▶ [Your assignment]: Search the records below for the word "double", then return every line where it appears.

▶ [Records]:
[Start of Attachment]

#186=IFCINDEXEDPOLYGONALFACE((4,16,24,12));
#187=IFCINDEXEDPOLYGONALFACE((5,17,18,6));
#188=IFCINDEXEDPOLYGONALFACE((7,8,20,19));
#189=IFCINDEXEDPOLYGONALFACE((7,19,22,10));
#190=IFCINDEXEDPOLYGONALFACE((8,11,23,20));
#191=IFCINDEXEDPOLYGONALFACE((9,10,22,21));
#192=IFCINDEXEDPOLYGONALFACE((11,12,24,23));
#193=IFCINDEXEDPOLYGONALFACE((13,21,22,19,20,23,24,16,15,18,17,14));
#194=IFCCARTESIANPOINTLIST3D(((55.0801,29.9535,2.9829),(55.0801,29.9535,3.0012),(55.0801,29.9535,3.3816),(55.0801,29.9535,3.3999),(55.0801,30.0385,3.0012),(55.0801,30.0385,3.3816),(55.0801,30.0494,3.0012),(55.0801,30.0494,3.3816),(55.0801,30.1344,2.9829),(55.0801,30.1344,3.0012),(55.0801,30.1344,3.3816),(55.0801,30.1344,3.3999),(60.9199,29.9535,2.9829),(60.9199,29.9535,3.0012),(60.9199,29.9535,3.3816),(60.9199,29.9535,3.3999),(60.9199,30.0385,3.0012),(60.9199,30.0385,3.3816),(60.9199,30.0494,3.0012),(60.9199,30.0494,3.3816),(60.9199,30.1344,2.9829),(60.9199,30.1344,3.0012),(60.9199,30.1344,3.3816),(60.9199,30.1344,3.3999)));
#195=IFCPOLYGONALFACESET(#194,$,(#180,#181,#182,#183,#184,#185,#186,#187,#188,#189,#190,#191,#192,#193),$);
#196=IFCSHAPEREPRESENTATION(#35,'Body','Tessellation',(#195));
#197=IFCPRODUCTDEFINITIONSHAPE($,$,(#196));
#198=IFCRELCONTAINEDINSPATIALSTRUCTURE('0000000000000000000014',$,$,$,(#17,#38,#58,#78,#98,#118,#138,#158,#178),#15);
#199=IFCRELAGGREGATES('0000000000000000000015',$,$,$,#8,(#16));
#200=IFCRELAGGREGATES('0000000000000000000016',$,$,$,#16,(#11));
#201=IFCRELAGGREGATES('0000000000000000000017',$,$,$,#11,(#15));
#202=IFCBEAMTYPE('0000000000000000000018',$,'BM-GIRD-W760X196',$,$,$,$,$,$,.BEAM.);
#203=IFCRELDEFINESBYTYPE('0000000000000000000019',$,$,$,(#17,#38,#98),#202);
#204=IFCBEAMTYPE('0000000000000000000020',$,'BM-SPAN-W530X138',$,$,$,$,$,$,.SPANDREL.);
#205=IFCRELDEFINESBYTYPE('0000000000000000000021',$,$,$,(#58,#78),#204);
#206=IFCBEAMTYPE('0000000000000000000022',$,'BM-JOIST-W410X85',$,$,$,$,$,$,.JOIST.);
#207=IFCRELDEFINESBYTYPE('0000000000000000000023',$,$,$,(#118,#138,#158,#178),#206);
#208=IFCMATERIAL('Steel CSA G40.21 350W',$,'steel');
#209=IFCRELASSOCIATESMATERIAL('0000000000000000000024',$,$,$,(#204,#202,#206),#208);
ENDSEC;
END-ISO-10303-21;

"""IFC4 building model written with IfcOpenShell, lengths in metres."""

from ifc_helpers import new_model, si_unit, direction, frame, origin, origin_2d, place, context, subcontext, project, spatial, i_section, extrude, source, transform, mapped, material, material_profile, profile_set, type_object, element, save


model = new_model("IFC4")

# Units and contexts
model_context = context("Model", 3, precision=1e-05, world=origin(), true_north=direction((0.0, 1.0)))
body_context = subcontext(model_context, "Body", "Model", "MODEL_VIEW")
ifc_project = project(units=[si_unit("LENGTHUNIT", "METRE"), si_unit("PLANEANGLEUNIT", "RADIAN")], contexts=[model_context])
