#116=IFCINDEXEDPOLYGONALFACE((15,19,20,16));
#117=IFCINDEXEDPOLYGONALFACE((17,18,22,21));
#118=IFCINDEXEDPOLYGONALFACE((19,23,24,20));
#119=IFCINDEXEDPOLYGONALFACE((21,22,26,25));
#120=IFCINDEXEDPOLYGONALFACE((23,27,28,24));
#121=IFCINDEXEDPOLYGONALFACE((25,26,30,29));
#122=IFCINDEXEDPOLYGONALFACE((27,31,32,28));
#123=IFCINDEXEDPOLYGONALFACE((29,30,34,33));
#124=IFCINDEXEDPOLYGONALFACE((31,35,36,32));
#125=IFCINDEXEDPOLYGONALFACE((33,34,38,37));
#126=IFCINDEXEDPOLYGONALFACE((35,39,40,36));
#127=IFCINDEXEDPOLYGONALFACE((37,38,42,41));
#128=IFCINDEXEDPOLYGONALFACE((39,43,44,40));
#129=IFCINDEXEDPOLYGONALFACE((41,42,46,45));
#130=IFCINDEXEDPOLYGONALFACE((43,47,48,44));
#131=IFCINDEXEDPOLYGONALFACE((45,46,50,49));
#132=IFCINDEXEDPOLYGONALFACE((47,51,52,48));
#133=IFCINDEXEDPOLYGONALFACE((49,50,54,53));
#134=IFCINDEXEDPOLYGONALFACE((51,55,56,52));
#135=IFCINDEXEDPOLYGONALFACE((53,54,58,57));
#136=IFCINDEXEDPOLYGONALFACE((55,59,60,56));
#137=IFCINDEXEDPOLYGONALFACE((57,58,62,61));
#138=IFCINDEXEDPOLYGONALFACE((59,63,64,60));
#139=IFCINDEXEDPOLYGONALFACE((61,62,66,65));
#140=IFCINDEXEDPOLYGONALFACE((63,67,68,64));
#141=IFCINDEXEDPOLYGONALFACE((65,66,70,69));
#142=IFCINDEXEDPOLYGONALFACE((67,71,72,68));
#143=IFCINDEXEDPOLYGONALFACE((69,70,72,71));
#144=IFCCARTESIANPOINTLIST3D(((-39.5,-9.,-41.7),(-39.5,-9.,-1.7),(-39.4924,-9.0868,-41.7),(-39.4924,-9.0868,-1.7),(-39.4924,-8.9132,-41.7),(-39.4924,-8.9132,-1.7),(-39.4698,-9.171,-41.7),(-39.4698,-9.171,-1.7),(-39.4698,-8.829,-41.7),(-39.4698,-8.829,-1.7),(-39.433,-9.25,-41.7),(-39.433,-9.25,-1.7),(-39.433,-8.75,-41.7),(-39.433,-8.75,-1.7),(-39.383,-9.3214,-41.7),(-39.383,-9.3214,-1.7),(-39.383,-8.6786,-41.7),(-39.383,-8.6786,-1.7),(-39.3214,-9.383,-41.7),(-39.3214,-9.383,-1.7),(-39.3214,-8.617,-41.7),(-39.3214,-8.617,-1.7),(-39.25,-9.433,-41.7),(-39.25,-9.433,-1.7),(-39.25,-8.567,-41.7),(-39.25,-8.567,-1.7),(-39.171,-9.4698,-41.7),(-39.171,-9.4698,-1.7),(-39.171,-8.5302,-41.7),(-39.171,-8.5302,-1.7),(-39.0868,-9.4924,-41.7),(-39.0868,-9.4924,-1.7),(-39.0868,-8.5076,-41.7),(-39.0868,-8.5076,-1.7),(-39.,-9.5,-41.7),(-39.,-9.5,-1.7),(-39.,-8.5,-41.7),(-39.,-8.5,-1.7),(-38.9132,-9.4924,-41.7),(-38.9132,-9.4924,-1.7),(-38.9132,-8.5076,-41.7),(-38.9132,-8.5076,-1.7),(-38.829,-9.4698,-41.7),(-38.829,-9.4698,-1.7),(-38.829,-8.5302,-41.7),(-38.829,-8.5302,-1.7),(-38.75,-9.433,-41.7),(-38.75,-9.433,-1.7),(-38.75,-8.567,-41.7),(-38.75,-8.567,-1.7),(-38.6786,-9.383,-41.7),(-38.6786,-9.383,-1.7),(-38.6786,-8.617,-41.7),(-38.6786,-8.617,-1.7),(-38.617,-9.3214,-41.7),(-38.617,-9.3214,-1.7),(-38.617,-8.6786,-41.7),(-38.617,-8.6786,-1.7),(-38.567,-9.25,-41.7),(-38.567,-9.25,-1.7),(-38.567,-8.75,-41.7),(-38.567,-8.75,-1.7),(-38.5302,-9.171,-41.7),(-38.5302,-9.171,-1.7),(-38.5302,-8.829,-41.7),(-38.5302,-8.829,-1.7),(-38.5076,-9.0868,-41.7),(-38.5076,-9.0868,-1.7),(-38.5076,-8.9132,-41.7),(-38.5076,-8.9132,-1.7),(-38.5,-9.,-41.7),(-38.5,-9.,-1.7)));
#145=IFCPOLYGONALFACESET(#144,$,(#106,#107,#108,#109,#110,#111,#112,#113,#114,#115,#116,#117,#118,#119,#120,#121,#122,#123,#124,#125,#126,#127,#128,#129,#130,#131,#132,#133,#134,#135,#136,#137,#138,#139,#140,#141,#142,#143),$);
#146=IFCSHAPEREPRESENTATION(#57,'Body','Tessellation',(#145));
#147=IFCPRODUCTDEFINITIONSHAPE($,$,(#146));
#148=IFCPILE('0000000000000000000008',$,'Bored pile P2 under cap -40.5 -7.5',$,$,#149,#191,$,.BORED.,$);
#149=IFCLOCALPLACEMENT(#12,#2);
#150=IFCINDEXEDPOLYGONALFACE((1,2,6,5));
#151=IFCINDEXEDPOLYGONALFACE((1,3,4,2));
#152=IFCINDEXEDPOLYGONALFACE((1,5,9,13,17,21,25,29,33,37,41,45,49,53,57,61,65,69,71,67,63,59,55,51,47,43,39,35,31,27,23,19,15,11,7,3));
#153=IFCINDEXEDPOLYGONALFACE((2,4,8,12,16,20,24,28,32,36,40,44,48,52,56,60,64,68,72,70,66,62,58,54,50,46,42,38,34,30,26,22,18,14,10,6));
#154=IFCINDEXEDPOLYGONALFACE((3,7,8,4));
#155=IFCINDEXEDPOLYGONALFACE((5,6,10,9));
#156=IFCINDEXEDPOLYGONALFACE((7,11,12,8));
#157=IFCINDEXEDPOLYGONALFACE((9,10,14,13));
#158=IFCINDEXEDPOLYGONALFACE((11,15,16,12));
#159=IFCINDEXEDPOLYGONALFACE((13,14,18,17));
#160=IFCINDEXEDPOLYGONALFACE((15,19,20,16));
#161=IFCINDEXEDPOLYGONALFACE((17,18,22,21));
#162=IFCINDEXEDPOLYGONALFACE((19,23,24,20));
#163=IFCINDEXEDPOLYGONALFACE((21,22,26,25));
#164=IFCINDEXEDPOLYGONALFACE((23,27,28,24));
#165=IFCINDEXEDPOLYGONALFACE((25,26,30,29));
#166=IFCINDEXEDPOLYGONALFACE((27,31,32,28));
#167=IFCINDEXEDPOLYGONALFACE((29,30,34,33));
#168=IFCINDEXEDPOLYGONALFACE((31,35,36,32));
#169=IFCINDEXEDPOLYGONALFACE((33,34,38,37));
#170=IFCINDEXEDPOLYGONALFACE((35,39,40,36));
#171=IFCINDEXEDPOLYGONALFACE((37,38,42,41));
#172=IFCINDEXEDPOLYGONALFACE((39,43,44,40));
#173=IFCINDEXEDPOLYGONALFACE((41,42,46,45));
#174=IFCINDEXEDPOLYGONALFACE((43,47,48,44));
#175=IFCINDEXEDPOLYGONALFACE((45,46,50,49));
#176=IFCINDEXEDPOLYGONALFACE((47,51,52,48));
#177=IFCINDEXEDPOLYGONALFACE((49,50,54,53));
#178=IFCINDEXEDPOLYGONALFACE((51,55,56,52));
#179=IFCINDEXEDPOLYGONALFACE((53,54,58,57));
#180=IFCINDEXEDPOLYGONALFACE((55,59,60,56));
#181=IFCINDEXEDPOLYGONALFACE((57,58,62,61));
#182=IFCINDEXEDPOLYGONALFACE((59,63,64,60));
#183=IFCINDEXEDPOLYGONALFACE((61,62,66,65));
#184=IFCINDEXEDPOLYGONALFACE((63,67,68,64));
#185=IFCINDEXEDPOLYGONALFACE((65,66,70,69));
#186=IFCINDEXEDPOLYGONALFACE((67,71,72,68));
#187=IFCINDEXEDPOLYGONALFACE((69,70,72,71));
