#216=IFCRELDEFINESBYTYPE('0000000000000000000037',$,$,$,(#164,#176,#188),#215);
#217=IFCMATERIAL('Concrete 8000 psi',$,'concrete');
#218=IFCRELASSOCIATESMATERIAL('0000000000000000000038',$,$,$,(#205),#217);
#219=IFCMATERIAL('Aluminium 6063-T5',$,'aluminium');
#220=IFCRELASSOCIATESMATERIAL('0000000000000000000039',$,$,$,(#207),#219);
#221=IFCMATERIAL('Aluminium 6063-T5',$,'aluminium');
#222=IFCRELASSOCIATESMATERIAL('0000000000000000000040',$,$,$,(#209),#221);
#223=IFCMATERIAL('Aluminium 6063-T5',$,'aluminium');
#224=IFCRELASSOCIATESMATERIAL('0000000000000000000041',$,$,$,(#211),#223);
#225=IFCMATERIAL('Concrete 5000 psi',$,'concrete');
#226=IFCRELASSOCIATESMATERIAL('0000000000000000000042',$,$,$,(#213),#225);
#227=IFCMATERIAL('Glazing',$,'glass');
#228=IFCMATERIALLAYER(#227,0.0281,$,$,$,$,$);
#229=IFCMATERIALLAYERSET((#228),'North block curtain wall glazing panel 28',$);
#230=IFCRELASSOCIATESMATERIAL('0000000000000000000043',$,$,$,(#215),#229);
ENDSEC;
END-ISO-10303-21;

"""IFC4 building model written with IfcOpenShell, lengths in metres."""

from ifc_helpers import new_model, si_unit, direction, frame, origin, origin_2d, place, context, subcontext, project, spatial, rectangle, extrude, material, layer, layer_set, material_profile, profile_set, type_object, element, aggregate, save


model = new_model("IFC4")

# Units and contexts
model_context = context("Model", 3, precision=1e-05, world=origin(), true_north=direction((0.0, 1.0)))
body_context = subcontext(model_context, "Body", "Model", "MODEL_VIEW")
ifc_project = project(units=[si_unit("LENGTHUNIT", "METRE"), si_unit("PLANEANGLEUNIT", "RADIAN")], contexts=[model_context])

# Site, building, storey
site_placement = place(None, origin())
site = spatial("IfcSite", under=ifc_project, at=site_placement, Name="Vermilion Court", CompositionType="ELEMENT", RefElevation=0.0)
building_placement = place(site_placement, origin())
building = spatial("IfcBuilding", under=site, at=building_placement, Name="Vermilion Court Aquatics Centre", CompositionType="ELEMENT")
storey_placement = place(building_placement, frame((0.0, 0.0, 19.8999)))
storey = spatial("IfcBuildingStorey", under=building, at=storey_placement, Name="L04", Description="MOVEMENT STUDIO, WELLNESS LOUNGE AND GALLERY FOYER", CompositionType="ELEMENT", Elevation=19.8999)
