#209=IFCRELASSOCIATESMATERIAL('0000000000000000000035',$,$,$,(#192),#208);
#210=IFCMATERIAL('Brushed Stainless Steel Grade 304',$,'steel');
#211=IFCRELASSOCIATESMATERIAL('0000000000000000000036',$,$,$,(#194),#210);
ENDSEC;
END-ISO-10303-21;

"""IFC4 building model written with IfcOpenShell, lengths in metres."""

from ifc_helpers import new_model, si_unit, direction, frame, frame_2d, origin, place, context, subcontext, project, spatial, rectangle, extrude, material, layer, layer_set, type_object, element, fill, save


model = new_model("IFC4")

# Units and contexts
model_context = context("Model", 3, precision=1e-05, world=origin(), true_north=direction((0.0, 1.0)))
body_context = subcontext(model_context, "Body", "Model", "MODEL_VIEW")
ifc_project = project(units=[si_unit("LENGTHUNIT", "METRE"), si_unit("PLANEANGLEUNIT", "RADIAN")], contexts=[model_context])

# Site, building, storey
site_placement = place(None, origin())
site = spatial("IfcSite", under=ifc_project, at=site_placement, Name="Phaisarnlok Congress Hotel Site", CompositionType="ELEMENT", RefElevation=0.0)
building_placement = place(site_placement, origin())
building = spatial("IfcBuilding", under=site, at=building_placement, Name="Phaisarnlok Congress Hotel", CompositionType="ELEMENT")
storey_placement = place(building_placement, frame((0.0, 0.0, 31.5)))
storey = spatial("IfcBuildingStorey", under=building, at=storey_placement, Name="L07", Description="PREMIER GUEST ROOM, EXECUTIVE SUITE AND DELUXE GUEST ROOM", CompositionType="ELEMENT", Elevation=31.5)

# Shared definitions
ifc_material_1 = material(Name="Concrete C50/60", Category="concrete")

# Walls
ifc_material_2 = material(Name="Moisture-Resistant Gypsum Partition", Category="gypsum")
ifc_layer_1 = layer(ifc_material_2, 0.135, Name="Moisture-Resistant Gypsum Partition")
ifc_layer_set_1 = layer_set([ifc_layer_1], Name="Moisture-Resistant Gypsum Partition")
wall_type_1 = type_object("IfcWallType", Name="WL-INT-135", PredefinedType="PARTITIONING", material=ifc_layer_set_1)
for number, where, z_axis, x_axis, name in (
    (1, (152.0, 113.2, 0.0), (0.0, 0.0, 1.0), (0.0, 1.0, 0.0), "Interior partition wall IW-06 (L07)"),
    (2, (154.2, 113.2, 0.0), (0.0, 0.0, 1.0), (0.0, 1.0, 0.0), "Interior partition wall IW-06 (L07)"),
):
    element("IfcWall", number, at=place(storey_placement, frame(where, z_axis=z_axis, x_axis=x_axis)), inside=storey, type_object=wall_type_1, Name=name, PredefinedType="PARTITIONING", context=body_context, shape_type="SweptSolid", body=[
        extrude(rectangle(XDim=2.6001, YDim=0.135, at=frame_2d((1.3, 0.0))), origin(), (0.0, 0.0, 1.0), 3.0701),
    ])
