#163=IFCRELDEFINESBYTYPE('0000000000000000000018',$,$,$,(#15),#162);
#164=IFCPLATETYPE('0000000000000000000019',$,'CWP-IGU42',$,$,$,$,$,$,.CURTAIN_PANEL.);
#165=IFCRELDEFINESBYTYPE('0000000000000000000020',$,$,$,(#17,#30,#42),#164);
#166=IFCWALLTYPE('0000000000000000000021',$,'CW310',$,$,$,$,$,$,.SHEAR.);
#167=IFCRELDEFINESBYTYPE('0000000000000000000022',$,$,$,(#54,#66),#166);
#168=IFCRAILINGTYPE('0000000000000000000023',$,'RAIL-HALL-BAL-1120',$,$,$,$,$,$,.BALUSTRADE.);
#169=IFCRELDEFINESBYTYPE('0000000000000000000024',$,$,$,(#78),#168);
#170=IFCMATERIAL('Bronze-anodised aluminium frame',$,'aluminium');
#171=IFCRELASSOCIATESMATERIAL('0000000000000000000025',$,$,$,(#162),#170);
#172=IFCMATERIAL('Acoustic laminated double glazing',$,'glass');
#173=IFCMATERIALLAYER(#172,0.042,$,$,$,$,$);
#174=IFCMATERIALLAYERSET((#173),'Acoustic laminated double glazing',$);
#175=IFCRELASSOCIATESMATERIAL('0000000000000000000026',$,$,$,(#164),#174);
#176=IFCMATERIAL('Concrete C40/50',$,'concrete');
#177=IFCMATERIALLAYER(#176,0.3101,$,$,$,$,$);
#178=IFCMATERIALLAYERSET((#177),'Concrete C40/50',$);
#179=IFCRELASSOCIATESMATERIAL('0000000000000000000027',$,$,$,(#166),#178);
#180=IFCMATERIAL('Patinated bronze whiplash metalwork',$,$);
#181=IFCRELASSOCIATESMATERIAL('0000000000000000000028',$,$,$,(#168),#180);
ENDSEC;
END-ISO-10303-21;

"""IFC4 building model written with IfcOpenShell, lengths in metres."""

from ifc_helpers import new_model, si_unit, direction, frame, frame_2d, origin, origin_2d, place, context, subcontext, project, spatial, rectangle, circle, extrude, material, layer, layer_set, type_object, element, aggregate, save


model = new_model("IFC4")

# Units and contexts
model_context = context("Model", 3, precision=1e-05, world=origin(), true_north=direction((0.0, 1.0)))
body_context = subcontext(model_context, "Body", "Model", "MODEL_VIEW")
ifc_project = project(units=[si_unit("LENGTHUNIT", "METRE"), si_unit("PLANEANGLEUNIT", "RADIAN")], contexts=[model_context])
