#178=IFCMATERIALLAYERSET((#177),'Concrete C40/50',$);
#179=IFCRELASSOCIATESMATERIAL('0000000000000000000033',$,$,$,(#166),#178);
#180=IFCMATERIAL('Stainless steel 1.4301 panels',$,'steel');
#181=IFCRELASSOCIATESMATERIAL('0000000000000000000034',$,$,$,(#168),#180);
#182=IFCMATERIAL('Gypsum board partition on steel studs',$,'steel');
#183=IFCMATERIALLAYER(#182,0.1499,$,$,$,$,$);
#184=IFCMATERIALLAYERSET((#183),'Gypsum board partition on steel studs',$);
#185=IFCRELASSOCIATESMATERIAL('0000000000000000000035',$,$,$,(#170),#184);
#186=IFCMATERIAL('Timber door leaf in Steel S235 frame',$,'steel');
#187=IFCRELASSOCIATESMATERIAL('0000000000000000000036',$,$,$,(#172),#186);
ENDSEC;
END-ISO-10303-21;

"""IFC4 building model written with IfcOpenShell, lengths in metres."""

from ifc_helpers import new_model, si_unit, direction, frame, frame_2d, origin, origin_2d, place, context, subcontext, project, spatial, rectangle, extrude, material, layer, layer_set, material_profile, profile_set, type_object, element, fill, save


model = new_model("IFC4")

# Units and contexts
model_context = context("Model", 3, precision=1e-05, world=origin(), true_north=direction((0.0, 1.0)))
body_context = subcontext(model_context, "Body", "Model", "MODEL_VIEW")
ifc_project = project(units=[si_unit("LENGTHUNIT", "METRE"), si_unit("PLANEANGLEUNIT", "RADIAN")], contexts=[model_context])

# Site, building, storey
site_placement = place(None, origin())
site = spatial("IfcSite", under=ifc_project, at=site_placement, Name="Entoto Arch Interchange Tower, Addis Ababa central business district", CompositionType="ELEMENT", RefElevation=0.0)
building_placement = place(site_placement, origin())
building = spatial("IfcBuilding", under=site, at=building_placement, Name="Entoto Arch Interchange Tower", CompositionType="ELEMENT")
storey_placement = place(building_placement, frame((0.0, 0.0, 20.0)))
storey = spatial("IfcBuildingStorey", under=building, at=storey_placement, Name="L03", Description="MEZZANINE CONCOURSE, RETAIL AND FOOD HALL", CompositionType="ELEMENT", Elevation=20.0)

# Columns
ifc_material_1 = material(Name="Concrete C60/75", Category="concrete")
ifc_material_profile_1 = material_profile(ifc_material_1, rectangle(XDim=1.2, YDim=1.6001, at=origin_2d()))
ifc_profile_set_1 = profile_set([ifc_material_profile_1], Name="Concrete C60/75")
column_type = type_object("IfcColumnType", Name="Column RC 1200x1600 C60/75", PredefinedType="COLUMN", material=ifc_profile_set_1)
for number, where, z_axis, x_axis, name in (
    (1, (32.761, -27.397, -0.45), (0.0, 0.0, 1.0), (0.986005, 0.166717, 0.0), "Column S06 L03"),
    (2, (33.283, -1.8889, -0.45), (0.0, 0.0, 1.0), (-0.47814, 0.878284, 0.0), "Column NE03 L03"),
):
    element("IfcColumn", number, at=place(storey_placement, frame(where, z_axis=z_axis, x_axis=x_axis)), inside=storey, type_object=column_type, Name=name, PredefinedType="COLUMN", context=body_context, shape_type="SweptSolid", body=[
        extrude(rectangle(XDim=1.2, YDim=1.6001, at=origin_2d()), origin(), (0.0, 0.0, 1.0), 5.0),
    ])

[End of Attachment]

▶ [Answer box]:
#172=IFCMATERIAL('Acoustic laminated double glazing',$,'glass');
#174=IFCMATERIALLAYERSET((#173),'Acoustic laminated double glazing',$);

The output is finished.